» Work order
Go through the material and copy every line in which "IFCPOLYGONALFACESET" appears.

» Input data
──────

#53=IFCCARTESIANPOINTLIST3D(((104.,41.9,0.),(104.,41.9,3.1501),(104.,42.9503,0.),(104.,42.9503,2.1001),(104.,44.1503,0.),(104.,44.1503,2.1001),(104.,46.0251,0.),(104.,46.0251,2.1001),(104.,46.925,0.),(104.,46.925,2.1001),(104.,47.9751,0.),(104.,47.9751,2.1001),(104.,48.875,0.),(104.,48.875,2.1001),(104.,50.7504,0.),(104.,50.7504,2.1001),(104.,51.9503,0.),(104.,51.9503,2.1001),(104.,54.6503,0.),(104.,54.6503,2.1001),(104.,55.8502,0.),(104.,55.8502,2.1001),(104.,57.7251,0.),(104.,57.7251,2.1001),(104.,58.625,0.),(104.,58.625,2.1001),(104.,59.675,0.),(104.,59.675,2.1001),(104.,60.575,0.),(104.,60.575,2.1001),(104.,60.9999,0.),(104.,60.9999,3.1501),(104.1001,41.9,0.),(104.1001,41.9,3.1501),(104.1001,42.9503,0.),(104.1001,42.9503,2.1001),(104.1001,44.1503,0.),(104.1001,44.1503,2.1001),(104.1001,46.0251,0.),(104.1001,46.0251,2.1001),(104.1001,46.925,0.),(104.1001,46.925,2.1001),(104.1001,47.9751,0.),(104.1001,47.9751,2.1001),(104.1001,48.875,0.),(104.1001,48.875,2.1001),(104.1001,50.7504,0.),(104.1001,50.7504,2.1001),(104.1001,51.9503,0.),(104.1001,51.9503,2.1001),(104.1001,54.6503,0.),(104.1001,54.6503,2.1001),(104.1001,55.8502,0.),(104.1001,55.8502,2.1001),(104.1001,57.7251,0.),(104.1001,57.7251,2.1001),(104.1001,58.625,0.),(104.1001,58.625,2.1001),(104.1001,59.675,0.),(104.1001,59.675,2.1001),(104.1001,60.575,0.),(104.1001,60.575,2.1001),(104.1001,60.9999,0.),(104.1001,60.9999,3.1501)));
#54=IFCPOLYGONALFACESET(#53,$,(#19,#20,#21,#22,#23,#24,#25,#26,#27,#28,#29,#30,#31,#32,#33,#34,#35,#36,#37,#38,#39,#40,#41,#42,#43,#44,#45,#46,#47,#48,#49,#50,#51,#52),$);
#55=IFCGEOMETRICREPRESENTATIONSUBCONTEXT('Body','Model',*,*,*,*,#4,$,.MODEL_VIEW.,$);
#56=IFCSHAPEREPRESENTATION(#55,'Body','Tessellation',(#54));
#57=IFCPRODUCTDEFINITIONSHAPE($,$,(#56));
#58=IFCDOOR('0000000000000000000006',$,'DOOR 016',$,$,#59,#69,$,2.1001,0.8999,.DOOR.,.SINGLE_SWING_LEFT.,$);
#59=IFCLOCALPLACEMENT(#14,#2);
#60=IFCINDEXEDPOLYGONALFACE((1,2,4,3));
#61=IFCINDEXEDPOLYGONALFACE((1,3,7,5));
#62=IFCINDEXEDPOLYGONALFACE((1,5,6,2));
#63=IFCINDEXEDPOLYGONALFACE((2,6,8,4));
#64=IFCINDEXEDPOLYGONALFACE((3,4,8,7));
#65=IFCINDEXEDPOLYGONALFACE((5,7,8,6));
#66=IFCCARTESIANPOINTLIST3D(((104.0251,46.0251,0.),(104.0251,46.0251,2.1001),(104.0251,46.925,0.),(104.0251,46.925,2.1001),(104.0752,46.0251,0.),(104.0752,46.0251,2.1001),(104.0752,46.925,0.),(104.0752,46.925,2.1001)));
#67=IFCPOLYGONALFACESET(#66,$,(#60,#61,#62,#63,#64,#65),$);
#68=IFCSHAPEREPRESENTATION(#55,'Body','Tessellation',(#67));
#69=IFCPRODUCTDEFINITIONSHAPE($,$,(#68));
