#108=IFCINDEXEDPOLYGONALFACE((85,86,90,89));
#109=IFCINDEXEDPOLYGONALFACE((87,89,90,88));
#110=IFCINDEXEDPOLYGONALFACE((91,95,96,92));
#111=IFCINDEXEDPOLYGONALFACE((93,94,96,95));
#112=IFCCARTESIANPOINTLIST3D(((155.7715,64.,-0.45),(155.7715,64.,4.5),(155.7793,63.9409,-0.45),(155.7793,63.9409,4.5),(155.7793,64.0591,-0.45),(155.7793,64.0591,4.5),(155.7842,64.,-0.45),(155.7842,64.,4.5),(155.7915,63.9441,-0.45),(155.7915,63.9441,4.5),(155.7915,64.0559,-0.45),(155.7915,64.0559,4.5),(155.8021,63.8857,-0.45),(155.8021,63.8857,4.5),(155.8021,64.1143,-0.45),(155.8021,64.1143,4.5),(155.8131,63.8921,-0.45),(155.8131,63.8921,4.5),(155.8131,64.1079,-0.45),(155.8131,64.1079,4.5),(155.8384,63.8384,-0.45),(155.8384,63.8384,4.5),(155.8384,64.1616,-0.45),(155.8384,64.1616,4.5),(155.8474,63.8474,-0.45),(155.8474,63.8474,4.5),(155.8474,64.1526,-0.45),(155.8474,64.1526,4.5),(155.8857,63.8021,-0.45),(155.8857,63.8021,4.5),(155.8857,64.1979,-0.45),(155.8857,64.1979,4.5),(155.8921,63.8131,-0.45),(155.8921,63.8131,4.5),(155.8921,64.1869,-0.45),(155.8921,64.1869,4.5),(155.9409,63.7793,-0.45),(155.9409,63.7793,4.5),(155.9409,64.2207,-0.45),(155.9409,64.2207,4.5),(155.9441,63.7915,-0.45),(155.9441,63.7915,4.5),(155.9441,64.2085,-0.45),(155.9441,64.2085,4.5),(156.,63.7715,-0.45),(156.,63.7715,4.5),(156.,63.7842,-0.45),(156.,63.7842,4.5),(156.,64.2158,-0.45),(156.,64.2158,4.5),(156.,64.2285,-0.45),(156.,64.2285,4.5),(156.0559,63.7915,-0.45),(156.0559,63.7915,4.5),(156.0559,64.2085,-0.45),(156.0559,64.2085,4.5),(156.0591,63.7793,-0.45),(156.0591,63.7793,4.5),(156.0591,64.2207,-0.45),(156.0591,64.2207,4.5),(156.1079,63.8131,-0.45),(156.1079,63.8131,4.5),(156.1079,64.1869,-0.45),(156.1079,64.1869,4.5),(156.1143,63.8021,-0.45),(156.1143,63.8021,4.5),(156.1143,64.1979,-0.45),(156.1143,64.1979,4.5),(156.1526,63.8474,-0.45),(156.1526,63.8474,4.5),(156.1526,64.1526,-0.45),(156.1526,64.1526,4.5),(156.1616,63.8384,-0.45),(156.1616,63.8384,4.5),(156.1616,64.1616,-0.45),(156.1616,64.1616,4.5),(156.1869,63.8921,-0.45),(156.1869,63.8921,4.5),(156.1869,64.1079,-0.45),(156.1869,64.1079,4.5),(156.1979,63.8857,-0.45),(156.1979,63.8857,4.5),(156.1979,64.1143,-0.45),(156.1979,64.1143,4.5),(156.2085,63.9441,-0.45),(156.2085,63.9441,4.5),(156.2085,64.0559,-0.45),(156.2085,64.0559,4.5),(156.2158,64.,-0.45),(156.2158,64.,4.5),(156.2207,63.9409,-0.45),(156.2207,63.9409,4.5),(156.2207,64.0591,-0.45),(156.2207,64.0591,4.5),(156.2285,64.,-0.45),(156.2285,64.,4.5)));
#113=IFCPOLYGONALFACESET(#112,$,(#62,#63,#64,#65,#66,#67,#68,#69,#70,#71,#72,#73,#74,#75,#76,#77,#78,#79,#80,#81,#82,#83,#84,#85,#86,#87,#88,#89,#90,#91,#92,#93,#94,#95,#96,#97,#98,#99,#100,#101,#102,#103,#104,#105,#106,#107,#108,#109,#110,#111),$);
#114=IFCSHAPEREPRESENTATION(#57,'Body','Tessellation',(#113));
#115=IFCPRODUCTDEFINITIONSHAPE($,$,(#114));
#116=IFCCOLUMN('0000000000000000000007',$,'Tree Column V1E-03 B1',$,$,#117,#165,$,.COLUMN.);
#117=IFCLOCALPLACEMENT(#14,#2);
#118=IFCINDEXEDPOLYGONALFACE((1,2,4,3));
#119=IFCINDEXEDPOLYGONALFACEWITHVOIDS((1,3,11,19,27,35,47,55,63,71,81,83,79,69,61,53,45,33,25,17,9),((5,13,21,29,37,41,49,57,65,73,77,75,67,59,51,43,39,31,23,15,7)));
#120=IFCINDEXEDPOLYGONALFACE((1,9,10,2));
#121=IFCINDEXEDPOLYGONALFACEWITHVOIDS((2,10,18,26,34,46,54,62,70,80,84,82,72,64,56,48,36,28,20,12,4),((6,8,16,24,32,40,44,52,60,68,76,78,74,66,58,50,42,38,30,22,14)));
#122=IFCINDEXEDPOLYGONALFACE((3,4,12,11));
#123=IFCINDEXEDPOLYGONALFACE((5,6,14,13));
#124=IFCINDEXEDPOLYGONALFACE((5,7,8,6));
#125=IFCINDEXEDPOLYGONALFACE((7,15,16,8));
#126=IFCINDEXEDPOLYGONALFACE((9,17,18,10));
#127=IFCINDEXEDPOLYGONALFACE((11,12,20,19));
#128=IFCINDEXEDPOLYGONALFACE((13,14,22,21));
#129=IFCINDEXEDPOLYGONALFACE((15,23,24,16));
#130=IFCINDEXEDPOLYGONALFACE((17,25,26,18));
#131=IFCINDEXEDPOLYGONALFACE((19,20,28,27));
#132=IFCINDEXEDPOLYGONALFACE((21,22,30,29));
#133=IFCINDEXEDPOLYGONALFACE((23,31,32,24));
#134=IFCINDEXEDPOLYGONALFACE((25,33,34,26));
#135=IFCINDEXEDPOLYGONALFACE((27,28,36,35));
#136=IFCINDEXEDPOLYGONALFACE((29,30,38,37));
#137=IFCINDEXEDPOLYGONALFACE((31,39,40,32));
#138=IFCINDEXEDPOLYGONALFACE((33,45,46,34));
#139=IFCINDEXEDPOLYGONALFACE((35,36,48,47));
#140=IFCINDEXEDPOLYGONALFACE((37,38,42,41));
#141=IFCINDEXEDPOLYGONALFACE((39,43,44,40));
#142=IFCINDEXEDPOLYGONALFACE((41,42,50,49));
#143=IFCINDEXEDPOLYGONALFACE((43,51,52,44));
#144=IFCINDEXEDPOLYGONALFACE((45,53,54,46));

──────

» Answer space
#54=IFCPOLYGONALFACESET(#53,$,(#19,#20,#21,#22,#23,#24,#25,#26,#27,#28,#29,#30,#31,#32,#33,#34,#35,#36,#37,#38,#39,#40,#41,#42,#43,#44,#45,#46,#47,#48,#49,#50,#51,#52),$);
#67=IFCPOLYGONALFACESET(#66,$,(#60,#61,#62,#63,#64,#65),$);
#113=IFCPOLYGONALFACESET(#112,$,(#62,#63,#64,#65,#66,#67,#68,#69,#70,#71,#72,#73,#74,#75,#76,#77,#78,#79,#80,#81,#82,#83,#84,#85,#86,#87,#88,#89,#90,#91,#92,#93,#94,#95,#96,#97,#98,#99,#100,#101,#102,#103,#104,#105,#106,#107,#108,#109,#110,#111),$);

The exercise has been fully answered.